#### [PROBLEM]
Instruction for the data below: set down exactly the lines from the line with "#121=IFCPRODUCTDEFINITIONSHAPE($,$,(#120));" to the line with "#158=IFCLOCALPLACEMENT(#12,#2);", inclusive, and no others.

*** Opening WORKING DATA ***

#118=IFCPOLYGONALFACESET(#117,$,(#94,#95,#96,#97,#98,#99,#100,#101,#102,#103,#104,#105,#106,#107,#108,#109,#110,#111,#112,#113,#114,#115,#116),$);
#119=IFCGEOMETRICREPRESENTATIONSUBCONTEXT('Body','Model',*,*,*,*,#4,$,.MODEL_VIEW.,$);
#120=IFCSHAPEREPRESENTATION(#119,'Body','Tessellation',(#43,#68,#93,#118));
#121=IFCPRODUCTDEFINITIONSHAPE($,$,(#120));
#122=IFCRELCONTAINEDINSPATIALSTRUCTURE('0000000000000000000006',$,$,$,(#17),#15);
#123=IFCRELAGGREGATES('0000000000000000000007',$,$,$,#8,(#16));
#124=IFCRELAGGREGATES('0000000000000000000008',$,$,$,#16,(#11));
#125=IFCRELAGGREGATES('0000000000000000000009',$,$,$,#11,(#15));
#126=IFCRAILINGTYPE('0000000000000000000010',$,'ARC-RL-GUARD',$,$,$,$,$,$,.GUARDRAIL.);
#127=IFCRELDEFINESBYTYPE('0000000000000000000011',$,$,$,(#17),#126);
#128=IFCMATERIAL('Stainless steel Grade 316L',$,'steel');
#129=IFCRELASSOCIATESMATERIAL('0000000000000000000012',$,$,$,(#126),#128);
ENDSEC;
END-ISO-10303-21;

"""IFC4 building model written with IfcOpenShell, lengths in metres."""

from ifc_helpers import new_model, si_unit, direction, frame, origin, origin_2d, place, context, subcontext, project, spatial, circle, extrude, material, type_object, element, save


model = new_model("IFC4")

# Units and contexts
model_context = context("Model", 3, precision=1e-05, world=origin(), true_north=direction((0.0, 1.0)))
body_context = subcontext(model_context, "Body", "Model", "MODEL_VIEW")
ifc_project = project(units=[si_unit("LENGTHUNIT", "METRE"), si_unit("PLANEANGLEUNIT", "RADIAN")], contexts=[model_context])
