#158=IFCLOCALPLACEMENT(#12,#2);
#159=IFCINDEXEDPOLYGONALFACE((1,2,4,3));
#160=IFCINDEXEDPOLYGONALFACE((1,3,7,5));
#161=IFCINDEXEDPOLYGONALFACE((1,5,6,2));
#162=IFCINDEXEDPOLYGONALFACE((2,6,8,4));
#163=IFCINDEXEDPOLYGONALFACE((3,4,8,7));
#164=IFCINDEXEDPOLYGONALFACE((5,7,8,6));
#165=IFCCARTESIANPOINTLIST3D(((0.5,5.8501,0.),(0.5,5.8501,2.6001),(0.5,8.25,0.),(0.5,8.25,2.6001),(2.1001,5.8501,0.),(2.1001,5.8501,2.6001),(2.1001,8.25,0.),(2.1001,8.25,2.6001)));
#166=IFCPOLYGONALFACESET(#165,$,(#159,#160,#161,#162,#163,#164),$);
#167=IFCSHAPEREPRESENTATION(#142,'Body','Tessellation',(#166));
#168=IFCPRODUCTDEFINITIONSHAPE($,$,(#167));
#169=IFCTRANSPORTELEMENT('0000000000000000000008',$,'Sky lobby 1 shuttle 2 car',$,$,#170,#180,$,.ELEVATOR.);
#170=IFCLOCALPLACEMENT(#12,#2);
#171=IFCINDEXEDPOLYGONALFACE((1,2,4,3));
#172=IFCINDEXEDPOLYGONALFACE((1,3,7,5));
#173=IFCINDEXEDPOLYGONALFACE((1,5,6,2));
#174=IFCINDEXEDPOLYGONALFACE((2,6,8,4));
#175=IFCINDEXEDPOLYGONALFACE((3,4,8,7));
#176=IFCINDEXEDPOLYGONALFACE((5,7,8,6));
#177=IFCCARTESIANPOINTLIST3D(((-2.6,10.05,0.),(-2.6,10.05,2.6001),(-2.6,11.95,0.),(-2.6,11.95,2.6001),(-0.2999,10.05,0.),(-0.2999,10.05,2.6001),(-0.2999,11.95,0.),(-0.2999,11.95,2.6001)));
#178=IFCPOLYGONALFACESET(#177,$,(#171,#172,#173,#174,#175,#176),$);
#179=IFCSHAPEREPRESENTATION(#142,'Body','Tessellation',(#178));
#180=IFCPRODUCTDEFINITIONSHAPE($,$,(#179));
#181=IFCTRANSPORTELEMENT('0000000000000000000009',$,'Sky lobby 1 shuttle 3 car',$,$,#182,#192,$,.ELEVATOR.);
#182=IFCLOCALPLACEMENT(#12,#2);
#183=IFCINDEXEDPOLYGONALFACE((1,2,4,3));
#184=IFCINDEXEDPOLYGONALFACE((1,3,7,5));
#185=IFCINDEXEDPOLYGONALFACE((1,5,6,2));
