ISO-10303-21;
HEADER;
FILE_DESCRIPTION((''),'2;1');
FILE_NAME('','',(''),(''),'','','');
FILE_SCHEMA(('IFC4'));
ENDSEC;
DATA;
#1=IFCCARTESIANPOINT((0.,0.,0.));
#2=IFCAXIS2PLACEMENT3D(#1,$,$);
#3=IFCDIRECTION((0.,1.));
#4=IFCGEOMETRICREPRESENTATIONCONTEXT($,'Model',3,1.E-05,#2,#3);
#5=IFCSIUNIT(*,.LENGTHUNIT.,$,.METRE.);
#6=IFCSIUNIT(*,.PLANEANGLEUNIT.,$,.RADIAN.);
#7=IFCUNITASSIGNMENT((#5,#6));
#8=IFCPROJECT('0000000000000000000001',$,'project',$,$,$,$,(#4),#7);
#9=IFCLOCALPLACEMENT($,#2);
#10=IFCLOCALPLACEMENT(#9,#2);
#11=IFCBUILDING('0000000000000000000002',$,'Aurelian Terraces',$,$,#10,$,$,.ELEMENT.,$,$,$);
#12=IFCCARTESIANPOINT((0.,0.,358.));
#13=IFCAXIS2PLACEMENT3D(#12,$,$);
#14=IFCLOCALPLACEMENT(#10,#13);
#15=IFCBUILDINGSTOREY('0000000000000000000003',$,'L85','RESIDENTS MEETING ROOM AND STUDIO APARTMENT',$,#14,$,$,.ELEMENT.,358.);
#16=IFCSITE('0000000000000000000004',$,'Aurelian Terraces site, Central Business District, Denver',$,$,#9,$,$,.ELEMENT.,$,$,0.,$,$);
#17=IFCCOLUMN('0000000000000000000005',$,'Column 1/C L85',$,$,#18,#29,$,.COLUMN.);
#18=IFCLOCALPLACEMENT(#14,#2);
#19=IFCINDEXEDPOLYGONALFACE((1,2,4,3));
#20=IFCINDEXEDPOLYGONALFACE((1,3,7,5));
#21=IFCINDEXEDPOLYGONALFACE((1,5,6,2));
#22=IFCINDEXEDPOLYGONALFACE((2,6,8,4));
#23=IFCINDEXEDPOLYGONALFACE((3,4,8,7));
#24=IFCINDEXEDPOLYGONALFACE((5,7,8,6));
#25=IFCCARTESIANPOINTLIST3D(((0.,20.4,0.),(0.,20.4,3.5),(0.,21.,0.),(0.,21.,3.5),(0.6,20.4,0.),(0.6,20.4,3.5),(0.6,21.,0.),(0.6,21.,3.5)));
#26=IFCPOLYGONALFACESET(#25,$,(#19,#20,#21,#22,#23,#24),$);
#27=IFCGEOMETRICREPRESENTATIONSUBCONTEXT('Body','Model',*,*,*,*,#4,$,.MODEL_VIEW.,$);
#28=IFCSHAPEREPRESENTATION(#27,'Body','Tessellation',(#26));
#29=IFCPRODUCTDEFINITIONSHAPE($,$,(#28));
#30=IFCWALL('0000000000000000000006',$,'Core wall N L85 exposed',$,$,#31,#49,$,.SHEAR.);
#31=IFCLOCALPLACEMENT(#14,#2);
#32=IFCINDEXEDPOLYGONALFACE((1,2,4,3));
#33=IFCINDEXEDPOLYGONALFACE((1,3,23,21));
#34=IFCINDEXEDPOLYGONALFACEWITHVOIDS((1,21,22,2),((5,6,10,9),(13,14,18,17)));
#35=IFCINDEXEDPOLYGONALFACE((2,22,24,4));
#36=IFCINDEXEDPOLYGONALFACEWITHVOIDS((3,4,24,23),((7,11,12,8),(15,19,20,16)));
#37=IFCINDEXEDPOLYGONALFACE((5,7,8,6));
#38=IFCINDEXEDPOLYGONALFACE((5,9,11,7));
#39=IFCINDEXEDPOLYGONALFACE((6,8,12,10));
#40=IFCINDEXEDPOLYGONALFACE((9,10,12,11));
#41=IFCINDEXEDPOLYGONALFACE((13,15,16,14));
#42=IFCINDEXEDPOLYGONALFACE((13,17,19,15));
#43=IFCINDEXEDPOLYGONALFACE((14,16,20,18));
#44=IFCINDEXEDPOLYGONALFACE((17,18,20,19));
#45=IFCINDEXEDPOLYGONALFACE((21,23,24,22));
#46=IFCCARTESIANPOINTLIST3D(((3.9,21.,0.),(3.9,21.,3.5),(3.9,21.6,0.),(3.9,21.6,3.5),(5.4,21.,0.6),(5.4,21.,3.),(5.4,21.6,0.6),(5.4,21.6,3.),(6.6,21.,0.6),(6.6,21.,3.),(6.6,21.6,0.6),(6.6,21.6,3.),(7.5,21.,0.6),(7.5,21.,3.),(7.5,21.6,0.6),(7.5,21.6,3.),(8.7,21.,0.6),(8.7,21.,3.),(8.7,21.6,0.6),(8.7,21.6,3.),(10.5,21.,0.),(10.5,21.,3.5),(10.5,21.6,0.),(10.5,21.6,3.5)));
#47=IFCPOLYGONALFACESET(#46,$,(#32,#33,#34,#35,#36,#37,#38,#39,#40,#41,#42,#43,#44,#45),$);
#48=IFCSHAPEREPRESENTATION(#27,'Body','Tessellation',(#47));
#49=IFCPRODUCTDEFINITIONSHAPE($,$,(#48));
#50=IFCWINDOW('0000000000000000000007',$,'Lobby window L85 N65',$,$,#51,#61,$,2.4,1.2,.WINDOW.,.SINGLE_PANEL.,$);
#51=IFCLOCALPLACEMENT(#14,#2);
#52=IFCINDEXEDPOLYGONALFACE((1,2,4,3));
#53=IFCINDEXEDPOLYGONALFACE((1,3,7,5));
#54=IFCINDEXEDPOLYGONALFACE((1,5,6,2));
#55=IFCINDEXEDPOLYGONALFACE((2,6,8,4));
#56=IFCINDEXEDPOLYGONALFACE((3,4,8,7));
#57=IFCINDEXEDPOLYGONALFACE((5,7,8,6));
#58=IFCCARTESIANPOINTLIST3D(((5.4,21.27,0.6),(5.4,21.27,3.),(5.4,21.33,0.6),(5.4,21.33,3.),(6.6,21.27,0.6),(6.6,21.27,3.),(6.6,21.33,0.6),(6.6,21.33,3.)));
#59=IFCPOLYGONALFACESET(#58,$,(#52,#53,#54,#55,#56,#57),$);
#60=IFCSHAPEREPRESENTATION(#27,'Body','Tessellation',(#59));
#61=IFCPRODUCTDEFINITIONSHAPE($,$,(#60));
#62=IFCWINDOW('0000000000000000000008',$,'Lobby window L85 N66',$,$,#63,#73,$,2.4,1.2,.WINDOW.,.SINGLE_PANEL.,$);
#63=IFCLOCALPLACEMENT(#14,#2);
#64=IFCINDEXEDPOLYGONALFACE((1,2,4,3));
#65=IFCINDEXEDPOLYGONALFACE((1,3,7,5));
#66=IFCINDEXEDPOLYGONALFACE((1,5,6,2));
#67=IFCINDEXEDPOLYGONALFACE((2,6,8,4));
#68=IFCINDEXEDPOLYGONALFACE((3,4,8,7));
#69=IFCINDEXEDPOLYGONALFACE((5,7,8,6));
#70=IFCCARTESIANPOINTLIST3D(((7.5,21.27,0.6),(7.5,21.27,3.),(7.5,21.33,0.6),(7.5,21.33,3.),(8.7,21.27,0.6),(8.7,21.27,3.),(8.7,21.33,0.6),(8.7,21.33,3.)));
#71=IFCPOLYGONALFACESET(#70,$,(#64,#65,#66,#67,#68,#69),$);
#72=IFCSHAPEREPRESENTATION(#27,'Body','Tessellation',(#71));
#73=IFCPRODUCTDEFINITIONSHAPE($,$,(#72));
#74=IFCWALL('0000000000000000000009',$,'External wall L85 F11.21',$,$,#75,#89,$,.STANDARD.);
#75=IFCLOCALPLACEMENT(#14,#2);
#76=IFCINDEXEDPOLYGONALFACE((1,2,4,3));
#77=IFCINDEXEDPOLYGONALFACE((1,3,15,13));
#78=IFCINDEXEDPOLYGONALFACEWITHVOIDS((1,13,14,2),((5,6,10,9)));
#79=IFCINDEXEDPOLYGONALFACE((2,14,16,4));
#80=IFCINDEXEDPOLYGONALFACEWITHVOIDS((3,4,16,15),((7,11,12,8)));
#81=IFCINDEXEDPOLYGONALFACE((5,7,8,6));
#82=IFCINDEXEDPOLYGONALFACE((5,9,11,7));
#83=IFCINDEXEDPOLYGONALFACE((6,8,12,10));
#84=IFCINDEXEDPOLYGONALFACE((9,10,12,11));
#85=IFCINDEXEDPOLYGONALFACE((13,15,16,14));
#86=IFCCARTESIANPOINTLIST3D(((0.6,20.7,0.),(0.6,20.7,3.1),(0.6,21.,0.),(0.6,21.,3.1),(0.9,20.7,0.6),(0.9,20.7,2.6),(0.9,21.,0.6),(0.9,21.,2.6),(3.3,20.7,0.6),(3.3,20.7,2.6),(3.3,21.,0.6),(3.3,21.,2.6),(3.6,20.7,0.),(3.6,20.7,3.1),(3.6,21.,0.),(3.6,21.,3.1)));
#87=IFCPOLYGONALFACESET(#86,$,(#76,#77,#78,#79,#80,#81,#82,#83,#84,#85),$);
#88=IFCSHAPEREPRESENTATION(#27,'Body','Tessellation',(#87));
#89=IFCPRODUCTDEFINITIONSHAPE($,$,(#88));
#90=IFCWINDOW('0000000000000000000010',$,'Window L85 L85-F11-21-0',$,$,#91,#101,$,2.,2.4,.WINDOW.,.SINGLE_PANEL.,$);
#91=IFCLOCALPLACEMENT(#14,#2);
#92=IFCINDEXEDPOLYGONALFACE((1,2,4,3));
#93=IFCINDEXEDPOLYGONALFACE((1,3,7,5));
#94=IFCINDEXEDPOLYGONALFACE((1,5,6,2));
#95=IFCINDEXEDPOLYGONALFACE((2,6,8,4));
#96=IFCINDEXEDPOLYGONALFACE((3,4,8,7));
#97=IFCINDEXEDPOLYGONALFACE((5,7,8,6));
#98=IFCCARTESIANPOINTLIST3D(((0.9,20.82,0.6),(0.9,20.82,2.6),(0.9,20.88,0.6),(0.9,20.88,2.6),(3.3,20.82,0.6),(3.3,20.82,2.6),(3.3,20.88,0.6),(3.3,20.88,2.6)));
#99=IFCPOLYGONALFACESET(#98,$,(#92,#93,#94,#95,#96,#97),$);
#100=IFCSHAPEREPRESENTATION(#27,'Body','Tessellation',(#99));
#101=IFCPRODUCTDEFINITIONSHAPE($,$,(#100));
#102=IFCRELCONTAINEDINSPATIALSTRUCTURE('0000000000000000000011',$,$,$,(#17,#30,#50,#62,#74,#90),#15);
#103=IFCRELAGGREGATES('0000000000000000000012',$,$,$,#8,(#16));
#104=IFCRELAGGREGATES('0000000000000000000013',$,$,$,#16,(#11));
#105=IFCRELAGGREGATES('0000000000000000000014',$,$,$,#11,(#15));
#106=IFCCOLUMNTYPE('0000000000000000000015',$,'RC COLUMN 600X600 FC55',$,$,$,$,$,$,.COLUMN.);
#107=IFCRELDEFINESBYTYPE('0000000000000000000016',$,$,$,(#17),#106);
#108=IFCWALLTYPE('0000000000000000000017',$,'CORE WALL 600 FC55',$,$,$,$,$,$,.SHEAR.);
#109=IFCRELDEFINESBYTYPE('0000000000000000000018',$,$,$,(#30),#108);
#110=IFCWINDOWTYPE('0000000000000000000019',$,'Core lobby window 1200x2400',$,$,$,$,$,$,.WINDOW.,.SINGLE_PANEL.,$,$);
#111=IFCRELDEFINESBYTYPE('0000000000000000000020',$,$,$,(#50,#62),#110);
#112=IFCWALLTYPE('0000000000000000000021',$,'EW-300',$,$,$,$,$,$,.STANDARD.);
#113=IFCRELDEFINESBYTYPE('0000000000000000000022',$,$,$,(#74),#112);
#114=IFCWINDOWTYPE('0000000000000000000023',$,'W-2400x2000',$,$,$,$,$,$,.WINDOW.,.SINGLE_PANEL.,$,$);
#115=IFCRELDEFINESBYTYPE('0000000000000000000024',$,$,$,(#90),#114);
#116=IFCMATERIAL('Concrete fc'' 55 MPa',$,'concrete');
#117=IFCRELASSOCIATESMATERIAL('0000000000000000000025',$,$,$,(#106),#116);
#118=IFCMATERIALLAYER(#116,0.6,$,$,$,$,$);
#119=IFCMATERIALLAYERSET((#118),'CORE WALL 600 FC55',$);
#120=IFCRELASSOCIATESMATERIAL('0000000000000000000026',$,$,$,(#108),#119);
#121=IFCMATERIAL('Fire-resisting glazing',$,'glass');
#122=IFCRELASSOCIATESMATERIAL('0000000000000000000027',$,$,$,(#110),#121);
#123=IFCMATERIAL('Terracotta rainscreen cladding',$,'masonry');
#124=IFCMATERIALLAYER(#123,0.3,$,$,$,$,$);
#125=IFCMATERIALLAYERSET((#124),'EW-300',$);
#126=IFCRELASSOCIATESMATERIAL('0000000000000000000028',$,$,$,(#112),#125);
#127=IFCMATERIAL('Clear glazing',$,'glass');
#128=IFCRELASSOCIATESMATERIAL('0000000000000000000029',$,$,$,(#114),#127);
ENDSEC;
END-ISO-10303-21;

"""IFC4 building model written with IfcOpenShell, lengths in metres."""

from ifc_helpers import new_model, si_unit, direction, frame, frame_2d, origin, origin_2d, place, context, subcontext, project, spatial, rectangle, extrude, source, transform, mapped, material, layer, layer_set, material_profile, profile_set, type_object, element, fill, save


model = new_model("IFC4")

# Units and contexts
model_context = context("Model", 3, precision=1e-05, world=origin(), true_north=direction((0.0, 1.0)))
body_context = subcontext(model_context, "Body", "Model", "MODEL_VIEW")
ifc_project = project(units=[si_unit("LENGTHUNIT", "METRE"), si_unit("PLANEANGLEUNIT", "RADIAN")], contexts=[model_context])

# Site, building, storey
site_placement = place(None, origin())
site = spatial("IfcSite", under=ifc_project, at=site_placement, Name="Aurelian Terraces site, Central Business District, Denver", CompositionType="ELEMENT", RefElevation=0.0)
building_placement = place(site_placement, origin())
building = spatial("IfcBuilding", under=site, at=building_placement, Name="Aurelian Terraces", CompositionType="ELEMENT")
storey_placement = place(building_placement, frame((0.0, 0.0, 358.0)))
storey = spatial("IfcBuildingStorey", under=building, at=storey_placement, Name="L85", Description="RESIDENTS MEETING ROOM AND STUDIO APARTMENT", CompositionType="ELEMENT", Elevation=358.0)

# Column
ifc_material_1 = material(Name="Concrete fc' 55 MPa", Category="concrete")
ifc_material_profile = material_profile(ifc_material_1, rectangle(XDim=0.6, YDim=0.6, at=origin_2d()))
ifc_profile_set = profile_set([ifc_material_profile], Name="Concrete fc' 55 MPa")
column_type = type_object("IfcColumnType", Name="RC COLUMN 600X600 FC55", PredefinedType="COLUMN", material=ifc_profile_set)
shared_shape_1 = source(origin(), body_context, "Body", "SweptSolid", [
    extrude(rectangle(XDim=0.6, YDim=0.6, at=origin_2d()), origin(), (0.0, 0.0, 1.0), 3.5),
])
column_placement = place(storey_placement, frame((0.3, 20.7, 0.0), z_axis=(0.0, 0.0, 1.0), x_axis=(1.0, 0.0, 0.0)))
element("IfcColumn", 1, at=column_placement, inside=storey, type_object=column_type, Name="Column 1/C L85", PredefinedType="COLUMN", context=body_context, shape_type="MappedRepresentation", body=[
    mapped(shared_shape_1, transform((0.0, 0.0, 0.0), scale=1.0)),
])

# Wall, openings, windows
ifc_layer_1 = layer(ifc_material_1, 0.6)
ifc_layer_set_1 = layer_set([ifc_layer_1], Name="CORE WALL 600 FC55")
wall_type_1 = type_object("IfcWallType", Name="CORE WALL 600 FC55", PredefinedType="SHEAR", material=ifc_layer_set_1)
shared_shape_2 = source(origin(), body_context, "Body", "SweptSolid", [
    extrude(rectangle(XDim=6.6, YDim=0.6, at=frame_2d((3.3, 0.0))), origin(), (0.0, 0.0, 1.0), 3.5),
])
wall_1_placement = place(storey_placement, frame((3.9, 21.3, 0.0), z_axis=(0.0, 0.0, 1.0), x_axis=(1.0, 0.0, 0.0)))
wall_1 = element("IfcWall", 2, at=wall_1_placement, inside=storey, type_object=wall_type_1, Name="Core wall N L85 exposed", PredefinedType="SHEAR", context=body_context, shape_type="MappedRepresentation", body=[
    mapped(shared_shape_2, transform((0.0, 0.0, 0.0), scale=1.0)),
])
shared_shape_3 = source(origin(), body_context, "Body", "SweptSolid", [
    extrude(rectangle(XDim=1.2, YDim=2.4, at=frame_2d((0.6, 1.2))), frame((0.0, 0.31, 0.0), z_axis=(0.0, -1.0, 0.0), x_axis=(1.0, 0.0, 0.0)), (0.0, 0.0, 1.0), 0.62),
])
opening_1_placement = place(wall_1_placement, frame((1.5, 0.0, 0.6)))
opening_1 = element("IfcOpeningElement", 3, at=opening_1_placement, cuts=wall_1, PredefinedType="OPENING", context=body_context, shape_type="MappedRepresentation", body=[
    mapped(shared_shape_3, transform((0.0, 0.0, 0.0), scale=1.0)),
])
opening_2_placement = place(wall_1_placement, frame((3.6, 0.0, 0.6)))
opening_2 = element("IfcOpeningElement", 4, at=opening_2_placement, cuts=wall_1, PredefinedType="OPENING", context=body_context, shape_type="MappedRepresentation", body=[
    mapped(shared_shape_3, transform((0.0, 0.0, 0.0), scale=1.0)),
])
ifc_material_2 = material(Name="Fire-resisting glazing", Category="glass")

*** Closing WORKING DATA ***

#### [RESULT BELOW]
#121=IFCPRODUCTDEFINITIONSHAPE($,$,(#120));
#122=IFCRELCONTAINEDINSPATIALSTRUCTURE('0000000000000000000006',$,$,$,(#17),#15);
#123=IFCRELAGGREGATES('0000000000000000000007',$,$,$,#8,(#16));
#124=IFCRELAGGREGATES('0000000000000000000008',$,$,$,#16,(#11));
#125=IFCRELAGGREGATES('0000000000000000000009',$,$,$,#11,(#15));
#126=IFCRAILINGTYPE('0000000000000000000010',$,'ARC-RL-GUARD',$,$,$,$,$,$,.GUARDRAIL.);
#127=IFCRELDEFINESBYTYPE('0000000000000000000011',$,$,$,(#17),#126);
#128=IFCMATERIAL('Stainless steel Grade 316L',$,'steel');
#129=IFCRELASSOCIATESMATERIAL('0000000000000000000012',$,$,$,(#126),#128);
ENDSEC;
END-ISO-10303-21;

"""IFC4 building model written with IfcOpenShell, lengths in metres."""

from ifc_helpers import new_model, si_unit, direction, frame, origin, origin_2d, place, context, subcontext, project, spatial, circle, extrude, material, type_object, element, save


model = new_model("IFC4")

# Units and contexts
model_context = context("Model", 3, precision=1e-05, world=origin(), true_north=direction((0.0, 1.0)))
body_context = subcontext(model_context, "Body", "Model", "MODEL_VIEW")
ifc_project = project(units=[si_unit("LENGTHUNIT", "METRE"), si_unit("PLANEANGLEUNIT", "RADIAN")], contexts=[model_context])
#158=IFCLOCALPLACEMENT(#12,#2);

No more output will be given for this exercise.